INPUT DATA:
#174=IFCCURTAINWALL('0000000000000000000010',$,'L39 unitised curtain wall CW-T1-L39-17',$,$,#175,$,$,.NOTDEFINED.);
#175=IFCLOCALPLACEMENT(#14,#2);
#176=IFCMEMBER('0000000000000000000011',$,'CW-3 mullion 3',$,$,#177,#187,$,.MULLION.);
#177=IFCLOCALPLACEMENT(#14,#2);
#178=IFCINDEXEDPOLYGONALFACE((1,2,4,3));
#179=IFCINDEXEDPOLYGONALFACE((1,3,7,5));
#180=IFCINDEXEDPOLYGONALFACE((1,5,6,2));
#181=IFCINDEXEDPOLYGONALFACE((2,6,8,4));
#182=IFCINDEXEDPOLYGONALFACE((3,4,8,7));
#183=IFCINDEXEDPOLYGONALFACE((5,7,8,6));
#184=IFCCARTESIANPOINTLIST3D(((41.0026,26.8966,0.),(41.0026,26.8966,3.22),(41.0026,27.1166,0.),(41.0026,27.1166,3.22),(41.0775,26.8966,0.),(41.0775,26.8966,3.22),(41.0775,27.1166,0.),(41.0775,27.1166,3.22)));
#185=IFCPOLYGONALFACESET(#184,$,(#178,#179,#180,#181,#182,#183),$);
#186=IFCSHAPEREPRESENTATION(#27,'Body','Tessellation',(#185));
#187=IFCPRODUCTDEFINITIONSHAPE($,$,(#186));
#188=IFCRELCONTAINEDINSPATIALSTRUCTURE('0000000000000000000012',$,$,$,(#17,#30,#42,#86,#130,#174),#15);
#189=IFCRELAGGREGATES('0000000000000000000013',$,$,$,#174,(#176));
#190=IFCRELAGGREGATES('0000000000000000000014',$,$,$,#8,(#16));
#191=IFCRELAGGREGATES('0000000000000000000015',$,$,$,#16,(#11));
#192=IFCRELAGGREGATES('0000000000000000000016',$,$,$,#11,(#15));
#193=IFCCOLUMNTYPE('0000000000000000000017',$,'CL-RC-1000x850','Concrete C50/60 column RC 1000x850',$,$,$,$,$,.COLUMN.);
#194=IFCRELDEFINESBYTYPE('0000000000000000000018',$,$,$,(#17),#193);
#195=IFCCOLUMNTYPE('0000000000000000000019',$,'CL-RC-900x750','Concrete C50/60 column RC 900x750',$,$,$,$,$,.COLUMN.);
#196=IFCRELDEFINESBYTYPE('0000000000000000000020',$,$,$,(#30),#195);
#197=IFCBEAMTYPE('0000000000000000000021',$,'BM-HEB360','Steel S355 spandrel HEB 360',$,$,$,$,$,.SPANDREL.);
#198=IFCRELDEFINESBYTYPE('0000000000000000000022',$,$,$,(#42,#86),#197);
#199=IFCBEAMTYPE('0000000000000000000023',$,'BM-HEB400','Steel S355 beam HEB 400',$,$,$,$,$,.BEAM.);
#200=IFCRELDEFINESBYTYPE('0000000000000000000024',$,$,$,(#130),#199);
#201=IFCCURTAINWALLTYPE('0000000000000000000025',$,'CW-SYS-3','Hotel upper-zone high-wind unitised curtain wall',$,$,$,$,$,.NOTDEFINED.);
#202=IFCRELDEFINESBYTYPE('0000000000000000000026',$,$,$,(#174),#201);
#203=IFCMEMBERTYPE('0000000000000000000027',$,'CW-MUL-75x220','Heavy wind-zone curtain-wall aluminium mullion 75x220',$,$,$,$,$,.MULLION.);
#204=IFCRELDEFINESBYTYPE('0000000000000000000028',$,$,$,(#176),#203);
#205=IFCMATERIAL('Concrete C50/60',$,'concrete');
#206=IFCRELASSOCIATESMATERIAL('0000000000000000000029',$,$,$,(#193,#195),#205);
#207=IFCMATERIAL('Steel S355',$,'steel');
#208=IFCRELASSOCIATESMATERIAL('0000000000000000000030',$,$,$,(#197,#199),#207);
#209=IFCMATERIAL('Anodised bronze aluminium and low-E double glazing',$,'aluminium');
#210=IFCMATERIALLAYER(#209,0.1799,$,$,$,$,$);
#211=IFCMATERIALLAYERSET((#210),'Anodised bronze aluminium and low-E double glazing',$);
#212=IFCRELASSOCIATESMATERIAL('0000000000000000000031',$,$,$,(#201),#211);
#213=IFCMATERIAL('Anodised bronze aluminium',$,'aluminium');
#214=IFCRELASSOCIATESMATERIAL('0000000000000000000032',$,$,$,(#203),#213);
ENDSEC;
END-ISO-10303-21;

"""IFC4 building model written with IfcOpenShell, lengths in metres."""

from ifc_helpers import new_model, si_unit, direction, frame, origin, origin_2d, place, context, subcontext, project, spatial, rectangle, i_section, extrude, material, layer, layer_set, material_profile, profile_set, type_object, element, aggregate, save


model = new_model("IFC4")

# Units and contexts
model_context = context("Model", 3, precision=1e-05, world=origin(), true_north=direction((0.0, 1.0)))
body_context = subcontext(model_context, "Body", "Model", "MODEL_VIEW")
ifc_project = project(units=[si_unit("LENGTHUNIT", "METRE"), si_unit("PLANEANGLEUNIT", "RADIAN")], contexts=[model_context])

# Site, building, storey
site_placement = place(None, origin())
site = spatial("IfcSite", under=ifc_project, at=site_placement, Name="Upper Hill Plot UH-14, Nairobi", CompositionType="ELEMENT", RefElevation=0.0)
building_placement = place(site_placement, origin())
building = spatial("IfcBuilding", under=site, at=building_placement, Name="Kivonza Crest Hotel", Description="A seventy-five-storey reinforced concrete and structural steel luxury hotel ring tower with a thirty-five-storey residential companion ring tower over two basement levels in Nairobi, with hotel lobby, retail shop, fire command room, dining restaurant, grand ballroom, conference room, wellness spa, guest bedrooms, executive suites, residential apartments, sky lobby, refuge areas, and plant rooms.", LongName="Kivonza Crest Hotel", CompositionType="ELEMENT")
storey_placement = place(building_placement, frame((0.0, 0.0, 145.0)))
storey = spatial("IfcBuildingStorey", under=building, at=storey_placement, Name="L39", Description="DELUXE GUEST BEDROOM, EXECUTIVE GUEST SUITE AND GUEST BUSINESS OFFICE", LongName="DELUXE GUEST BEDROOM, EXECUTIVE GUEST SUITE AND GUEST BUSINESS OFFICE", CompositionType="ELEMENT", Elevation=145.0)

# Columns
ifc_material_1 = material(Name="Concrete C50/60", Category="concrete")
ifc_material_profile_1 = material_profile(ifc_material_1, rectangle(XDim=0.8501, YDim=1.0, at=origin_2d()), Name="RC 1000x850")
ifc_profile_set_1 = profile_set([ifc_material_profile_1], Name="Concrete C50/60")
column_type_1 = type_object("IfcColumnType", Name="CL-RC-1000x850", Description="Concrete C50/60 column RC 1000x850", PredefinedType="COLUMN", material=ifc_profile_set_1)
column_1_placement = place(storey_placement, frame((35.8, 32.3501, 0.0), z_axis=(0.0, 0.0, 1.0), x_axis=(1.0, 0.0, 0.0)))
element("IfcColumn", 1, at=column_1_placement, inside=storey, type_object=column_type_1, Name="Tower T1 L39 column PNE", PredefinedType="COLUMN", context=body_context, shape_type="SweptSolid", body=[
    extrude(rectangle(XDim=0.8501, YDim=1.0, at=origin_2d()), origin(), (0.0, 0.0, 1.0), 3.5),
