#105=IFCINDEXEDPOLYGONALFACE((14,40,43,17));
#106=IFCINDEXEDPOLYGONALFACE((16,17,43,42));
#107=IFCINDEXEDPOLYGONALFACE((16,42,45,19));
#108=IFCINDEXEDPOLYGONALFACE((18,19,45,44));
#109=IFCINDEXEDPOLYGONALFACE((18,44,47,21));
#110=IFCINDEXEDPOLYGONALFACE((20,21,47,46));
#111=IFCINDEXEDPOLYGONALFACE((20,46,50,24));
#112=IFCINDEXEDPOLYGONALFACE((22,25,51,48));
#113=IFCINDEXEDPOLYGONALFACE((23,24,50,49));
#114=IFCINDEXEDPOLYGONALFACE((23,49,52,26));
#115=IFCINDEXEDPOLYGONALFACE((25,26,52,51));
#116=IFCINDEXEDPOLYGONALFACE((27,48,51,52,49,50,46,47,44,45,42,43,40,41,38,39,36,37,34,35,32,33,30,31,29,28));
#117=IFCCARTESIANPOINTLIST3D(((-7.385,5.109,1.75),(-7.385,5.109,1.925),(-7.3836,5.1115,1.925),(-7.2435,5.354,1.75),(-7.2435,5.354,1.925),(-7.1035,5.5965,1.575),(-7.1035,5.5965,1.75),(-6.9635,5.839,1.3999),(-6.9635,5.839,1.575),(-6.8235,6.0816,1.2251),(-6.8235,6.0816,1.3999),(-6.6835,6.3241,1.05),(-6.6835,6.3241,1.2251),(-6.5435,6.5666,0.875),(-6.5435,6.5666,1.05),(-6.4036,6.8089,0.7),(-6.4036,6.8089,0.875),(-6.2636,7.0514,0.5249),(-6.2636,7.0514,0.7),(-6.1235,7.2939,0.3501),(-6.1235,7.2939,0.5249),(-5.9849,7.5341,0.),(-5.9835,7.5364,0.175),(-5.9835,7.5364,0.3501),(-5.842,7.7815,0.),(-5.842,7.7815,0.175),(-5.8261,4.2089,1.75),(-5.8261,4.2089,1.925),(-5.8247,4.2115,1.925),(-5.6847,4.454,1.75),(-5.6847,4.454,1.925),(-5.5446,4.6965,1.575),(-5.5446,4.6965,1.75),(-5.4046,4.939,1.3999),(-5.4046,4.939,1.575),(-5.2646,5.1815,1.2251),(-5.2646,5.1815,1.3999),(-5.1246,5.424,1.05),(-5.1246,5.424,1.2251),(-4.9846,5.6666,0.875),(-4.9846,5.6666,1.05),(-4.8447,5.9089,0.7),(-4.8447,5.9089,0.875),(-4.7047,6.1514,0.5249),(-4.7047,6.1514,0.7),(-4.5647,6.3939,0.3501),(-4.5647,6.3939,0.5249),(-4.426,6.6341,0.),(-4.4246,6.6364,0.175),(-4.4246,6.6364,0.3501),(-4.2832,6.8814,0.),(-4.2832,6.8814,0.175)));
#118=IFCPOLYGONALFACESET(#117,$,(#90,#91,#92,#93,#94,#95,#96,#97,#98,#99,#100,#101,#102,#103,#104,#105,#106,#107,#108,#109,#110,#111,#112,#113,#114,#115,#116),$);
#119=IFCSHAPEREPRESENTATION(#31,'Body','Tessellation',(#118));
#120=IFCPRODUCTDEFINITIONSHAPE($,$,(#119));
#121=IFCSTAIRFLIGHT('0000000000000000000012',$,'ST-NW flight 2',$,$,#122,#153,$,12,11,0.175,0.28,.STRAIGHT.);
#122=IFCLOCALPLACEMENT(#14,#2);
--
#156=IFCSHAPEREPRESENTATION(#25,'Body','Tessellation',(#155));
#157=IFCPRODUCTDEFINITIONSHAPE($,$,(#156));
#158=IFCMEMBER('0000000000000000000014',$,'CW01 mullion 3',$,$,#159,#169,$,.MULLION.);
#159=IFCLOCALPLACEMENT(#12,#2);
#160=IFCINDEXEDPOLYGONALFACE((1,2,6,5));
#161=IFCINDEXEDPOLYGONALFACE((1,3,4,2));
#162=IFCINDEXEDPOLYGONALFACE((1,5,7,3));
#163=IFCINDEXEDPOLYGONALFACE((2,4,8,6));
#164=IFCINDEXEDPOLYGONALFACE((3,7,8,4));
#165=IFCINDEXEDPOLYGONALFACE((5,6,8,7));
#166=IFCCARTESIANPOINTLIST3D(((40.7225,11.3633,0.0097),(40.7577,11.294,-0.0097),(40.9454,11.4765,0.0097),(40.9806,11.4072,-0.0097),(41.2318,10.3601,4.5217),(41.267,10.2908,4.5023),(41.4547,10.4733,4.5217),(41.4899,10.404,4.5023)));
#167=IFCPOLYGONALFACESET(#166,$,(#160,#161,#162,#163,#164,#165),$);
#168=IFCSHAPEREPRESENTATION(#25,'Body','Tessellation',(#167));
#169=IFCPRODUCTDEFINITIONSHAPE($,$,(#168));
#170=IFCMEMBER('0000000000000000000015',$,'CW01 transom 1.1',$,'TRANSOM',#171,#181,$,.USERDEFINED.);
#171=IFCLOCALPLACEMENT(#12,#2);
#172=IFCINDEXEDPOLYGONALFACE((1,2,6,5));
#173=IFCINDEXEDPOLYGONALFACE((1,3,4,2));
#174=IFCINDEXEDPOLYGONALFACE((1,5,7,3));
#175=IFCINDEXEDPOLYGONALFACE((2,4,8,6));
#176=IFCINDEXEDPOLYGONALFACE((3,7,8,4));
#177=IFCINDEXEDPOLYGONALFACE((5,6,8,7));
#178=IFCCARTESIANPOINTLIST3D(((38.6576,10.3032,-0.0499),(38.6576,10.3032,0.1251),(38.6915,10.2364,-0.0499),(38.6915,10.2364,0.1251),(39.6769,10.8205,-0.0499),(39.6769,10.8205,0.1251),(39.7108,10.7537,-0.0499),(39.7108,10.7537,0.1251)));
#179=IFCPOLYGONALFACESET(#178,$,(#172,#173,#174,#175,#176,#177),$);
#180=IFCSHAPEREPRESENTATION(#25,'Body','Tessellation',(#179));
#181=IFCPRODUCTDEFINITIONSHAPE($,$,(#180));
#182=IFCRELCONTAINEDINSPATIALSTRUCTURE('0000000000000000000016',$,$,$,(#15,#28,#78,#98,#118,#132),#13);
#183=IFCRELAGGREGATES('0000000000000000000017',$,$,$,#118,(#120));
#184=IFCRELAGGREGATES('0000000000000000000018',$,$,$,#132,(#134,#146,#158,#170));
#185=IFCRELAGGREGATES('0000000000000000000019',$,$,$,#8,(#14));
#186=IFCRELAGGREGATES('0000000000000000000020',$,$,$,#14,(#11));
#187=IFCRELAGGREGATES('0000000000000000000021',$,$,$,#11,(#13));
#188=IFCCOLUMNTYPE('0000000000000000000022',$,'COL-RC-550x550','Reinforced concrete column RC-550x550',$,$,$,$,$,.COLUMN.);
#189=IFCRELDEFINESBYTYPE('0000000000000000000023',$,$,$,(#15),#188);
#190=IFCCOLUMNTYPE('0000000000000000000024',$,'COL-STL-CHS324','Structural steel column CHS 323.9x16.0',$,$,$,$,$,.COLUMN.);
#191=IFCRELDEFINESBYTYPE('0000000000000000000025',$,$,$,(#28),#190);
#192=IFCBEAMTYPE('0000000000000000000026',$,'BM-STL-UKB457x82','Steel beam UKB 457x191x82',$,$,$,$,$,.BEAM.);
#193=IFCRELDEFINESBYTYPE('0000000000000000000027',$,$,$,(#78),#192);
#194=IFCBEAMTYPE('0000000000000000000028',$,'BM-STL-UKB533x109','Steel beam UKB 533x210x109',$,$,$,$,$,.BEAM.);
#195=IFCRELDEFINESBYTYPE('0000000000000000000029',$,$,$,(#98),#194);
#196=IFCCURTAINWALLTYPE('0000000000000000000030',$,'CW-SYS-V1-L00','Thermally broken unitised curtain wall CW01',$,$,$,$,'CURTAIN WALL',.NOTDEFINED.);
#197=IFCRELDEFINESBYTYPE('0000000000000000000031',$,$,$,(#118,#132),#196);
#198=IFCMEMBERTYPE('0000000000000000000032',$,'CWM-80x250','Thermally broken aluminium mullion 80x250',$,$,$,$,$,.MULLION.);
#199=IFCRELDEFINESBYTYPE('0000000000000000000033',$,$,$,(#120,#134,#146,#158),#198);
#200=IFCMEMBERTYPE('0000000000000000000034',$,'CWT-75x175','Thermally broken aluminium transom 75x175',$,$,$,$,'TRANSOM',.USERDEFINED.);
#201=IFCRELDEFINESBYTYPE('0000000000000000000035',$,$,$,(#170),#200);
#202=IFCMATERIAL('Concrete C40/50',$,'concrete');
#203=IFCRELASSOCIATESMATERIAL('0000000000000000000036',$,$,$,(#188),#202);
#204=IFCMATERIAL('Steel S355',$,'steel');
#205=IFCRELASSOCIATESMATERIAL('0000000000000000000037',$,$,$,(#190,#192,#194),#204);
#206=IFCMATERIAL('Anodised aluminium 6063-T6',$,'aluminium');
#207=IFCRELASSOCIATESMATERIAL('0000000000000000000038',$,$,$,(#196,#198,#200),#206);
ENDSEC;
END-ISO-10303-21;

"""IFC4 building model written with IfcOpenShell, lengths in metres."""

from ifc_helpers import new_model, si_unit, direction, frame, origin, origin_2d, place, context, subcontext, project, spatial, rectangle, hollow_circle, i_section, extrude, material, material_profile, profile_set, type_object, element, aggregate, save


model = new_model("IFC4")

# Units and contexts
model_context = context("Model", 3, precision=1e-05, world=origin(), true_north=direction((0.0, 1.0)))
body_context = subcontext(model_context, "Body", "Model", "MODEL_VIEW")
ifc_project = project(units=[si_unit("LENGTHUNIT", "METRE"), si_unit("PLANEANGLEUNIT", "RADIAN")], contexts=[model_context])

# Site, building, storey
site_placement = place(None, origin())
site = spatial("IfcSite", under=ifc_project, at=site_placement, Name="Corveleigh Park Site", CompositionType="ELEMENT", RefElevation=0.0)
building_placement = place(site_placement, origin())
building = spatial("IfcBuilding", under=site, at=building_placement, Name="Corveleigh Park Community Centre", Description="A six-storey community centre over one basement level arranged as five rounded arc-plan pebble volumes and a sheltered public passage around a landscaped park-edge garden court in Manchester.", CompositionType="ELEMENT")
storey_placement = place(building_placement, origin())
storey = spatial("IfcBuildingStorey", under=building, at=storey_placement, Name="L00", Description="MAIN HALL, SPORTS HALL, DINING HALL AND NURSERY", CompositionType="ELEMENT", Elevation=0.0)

PROBLEM: Return, unchanged, the run of lines above that opens with the line containing "#180=IFCINDEXEDPOLYGONALFACE((1,5,6,2));" and closes with the line containing "#192=IFCRELAGGREGATES('0000000000000000000016',$,$,$,#11,(#15));". Include both.

EXPECTED ANSWER:
#180=IFCINDEXEDPOLYGONALFACE((1,5,6,2));
#181=IFCINDEXEDPOLYGONALFACE((2,6,8,4));
#182=IFCINDEXEDPOLYGONALFACE((3,4,8,7));
#183=IFCINDEXEDPOLYGONALFACE((5,7,8,6));
#184=IFCCARTESIANPOINTLIST3D(((41.0026,26.8966,0.),(41.0026,26.8966,3.22),(41.0026,27.1166,0.),(41.0026,27.1166,3.22),(41.0775,26.8966,0.),(41.0775,26.8966,3.22),(41.0775,27.1166,0.),(41.0775,27.1166,3.22)));
#185=IFCPOLYGONALFACESET(#184,$,(#178,#179,#180,#181,#182,#183),$);
#186=IFCSHAPEREPRESENTATION(#27,'Body','Tessellation',(#185));
#187=IFCPRODUCTDEFINITIONSHAPE($,$,(#186));
#188=IFCRELCONTAINEDINSPATIALSTRUCTURE('0000000000000000000012',$,$,$,(#17,#30,#42,#86,#130,#174),#15);
#189=IFCRELAGGREGATES('0000000000000000000013',$,$,$,#174,(#176));
#190=IFCRELAGGREGATES('0000000000000000000014',$,$,$,#8,(#16));
#191=IFCRELAGGREGATES('0000000000000000000015',$,$,$,#16,(#11));
#192=IFCRELAGGREGATES('0000000000000000000016',$,$,$,#11,(#15));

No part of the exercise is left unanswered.